Stored entries:
-------

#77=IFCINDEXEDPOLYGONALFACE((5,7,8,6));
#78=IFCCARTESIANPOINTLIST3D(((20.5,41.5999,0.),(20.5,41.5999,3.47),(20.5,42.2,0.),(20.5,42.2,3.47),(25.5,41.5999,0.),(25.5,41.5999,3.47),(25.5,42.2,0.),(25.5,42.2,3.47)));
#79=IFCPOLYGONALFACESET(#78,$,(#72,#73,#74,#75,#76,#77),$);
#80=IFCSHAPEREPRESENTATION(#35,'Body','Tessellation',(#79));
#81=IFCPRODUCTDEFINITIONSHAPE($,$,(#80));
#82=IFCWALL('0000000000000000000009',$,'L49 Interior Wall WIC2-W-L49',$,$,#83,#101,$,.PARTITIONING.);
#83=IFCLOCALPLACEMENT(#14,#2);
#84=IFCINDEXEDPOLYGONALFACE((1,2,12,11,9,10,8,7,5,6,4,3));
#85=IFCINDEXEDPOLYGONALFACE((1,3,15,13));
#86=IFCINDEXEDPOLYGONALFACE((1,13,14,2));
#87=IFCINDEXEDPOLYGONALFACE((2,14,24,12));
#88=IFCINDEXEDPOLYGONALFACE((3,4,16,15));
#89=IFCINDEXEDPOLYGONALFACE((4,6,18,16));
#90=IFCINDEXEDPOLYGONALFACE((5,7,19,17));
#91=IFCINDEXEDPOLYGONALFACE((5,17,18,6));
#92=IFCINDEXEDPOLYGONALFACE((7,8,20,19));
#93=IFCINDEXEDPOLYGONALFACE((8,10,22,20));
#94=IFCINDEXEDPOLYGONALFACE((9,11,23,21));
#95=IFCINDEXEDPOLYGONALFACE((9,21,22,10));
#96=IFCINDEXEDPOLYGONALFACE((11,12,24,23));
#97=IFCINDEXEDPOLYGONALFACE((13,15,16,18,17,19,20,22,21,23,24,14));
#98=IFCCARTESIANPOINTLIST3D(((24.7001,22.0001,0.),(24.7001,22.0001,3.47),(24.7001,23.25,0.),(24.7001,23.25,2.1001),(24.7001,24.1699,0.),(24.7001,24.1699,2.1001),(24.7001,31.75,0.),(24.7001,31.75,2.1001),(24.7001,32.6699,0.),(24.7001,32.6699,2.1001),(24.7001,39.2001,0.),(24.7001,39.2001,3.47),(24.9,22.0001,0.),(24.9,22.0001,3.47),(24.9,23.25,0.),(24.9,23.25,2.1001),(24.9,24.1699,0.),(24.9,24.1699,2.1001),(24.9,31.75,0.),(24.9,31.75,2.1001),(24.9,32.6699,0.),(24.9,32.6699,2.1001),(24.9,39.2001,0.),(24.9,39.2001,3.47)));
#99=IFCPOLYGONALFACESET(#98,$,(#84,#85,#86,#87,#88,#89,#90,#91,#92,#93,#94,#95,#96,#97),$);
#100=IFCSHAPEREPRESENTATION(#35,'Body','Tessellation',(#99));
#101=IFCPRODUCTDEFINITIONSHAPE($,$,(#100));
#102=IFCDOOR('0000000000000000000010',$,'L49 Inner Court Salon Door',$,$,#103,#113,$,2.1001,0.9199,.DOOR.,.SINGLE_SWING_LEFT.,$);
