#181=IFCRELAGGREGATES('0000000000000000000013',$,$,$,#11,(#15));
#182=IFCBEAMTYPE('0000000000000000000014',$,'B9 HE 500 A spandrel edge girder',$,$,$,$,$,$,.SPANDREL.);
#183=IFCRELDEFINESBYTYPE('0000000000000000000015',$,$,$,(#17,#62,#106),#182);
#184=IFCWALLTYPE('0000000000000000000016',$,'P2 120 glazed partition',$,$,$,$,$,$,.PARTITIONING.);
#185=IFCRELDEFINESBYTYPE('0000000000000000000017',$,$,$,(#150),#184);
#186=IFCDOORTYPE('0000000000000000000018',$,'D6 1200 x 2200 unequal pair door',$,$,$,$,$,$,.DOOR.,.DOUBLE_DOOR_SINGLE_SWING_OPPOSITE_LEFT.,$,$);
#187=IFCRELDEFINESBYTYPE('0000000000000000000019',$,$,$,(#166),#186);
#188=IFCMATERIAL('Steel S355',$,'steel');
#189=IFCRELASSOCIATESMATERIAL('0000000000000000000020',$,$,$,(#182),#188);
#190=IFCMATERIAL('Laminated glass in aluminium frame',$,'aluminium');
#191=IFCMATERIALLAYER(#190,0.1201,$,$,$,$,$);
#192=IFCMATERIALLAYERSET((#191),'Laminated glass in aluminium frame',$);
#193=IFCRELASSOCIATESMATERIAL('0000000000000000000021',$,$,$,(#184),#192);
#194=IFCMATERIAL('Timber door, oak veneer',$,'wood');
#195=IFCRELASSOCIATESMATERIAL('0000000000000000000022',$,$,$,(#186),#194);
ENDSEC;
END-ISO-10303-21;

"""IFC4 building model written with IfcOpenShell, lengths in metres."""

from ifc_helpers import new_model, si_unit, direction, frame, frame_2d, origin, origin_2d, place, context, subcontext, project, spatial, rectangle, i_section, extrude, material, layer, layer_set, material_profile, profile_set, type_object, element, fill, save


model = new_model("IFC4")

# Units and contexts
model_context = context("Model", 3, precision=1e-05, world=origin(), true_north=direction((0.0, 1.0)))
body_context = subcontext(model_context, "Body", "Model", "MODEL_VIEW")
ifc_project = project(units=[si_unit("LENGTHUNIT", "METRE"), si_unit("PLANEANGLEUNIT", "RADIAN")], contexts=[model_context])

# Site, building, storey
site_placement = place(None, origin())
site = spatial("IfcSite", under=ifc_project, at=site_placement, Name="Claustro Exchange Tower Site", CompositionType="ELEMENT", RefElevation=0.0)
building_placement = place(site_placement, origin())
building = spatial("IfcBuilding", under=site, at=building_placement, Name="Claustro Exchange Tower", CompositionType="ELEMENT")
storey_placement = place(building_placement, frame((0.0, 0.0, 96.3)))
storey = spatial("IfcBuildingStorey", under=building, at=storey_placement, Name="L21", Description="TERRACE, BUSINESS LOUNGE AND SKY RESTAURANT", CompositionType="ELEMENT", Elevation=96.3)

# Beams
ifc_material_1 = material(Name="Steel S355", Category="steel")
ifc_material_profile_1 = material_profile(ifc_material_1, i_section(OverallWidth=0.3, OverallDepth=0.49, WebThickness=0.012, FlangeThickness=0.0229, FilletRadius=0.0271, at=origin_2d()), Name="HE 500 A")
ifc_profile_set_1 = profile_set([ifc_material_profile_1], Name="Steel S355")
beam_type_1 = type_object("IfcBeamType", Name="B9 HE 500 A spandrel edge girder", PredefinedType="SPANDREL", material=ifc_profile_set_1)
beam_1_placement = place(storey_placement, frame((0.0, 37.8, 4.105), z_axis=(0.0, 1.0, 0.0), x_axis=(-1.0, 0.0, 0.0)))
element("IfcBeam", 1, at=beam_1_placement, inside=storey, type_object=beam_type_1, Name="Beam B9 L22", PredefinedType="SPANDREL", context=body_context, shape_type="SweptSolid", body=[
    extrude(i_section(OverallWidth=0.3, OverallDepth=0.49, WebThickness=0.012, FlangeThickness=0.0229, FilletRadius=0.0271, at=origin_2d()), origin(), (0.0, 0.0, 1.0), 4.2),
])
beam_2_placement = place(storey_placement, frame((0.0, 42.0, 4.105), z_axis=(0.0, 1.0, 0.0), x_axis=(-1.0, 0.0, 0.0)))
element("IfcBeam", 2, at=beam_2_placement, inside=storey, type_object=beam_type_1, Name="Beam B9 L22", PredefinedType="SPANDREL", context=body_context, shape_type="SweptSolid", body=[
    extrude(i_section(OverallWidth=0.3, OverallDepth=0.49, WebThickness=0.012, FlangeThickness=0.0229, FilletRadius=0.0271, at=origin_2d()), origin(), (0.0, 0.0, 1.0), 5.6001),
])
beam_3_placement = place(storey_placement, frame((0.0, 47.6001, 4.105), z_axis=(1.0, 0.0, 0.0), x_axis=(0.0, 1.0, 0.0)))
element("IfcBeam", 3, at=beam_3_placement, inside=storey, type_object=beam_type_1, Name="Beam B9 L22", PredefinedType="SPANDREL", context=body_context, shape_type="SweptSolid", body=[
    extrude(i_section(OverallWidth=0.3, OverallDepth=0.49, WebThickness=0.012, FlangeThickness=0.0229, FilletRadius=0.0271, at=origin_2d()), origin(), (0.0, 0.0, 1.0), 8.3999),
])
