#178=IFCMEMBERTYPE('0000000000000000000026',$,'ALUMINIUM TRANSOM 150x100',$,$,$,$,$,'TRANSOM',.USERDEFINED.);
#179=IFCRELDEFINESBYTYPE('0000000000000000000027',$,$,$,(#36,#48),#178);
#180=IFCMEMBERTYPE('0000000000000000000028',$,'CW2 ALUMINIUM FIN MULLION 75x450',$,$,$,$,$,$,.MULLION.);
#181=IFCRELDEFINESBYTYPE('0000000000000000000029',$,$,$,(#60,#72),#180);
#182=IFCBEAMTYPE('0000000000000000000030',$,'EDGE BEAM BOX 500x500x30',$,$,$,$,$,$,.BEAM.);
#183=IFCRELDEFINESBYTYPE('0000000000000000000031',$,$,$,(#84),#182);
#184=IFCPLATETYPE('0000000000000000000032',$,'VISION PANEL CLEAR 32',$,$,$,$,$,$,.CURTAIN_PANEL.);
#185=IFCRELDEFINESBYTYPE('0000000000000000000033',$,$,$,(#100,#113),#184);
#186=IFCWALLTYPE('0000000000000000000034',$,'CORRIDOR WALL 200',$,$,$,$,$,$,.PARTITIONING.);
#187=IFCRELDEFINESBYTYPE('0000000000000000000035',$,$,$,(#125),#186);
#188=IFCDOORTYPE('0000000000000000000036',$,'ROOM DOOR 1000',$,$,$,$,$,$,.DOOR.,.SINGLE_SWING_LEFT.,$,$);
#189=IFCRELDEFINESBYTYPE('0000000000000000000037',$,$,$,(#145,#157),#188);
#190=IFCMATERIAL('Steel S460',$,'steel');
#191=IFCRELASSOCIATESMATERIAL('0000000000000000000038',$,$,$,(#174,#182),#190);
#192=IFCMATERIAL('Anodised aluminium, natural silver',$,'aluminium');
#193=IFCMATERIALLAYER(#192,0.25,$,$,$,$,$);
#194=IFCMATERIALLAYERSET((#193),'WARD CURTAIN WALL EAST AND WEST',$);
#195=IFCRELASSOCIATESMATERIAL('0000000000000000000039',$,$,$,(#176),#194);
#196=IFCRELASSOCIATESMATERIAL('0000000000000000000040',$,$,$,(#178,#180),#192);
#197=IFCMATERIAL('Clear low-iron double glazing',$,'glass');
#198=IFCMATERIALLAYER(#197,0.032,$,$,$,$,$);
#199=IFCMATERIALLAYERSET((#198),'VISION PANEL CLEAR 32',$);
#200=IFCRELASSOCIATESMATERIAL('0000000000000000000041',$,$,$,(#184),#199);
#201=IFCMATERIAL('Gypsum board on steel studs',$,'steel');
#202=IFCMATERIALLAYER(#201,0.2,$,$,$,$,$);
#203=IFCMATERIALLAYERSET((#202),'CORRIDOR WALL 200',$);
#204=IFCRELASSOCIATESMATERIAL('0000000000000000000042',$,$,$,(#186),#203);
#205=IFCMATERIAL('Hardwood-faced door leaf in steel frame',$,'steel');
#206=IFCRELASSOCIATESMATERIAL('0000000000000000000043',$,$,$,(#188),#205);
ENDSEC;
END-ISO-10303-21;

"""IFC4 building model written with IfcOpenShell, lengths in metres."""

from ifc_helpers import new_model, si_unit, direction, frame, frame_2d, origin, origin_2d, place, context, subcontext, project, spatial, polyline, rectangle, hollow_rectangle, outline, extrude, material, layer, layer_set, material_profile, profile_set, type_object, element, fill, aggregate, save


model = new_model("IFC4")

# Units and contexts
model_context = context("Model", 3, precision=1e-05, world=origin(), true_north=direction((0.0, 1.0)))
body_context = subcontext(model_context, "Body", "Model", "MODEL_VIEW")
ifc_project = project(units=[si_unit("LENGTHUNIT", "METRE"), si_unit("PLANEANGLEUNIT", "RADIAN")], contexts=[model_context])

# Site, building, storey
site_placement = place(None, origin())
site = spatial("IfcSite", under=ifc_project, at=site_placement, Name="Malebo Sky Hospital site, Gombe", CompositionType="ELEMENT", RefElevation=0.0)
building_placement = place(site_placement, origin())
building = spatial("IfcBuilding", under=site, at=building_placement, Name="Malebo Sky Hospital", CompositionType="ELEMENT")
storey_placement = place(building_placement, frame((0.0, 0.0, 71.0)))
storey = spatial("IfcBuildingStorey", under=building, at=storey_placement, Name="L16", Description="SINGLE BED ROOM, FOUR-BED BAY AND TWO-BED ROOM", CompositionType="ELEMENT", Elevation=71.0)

-------

Considering the records above, count the lines where the string "IFCWALLTYPE" occurs and return that number alone.

2